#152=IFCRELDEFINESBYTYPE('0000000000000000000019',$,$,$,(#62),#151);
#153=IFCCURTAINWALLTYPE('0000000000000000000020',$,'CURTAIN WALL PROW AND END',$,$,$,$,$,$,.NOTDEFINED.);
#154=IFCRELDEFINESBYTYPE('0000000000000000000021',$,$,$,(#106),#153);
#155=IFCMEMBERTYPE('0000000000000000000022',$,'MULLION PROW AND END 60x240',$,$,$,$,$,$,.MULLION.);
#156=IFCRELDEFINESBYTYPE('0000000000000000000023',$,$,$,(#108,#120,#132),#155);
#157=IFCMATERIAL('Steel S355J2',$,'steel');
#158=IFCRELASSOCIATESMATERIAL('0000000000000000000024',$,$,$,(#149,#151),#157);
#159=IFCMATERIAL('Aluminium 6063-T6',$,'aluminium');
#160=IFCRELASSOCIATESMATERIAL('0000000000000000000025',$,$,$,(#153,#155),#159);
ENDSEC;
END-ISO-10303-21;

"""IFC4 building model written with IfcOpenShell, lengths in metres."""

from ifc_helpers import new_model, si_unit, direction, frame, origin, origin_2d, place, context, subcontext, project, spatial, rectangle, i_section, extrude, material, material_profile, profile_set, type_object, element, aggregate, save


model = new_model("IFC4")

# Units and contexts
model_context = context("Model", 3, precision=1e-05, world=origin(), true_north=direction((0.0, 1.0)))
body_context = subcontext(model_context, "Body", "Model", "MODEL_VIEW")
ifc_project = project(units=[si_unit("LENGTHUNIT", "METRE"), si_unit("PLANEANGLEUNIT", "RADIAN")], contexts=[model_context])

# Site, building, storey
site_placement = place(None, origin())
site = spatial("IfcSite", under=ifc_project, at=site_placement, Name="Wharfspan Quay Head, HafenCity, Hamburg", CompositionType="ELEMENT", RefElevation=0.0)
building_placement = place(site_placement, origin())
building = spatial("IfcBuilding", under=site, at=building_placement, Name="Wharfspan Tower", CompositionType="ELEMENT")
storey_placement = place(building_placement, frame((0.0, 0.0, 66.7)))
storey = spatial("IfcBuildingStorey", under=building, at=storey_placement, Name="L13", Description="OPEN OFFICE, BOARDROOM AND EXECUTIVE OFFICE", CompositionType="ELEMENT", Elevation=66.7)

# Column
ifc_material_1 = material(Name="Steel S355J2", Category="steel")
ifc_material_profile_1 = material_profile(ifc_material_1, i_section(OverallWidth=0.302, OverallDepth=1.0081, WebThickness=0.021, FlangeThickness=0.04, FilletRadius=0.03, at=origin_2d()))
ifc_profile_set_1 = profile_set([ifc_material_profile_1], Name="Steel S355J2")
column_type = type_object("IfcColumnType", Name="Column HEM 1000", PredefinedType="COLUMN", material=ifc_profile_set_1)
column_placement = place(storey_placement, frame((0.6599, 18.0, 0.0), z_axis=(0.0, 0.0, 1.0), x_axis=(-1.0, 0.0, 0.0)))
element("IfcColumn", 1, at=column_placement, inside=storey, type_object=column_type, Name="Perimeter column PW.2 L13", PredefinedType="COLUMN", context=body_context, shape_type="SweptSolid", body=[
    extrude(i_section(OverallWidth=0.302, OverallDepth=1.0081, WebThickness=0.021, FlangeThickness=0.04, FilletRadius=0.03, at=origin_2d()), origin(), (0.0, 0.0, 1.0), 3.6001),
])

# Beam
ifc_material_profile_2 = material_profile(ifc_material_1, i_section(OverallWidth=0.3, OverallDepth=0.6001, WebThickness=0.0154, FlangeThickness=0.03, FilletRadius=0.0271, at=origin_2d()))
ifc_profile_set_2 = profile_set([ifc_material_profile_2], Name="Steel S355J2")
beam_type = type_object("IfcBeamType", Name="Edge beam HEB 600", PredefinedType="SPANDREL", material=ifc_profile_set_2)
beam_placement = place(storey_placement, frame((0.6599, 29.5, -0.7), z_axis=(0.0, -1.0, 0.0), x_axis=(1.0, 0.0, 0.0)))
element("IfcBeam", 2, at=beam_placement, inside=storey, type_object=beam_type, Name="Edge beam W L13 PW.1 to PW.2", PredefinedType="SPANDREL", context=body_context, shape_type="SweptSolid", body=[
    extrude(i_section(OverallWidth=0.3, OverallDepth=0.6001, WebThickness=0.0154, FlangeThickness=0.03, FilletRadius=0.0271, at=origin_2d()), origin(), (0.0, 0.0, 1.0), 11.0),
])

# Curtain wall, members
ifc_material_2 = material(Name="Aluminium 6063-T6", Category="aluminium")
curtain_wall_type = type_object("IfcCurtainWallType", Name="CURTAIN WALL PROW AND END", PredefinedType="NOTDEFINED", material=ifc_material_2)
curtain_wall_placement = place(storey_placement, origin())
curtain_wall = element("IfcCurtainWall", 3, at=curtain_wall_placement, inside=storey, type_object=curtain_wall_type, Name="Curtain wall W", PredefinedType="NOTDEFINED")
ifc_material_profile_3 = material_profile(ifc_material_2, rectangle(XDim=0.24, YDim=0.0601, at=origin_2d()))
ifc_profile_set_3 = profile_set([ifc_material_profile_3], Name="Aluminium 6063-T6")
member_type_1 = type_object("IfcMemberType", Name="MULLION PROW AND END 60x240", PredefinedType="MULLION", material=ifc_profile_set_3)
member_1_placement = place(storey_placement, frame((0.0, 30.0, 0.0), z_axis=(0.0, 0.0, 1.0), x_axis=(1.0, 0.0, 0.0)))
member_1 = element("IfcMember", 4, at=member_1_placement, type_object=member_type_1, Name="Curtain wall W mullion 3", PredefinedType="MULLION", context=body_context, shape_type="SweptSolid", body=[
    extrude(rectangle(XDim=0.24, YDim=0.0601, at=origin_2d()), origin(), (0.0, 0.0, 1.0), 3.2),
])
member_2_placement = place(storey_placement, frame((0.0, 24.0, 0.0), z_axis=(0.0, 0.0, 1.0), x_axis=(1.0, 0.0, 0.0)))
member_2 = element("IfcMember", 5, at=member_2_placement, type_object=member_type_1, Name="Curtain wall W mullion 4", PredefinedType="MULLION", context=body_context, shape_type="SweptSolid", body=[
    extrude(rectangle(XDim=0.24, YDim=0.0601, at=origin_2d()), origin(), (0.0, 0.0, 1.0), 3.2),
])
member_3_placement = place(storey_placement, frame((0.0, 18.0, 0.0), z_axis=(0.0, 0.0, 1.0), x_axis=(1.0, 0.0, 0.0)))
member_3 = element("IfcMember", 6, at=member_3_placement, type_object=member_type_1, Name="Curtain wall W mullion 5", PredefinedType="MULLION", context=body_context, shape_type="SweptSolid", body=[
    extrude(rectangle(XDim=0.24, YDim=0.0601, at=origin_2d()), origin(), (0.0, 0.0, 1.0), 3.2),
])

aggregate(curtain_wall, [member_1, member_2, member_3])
====================
> [What is expected]
Everything above from the line with "from ifc_helpers import" to the line with "site_placement = place(None, origin())", both included, must be repeated exactly, and nothing outside that range.

> [Task output]
from ifc_helpers import new_model, si_unit, direction, frame, origin, origin_2d, place, context, subcontext, project, spatial, rectangle, i_section, extrude, material, material_profile, profile_set, type_object, element, aggregate, save


model = new_model("IFC4")

# Units and contexts
model_context = context("Model", 3, precision=1e-05, world=origin(), true_north=direction((0.0, 1.0)))
body_context = subcontext(model_context, "Body", "Model", "MODEL_VIEW")
ifc_project = project(units=[si_unit("LENGTHUNIT", "METRE"), si_unit("PLANEANGLEUNIT", "RADIAN")], contexts=[model_context])

# Site, building, storey
site_placement = place(None, origin())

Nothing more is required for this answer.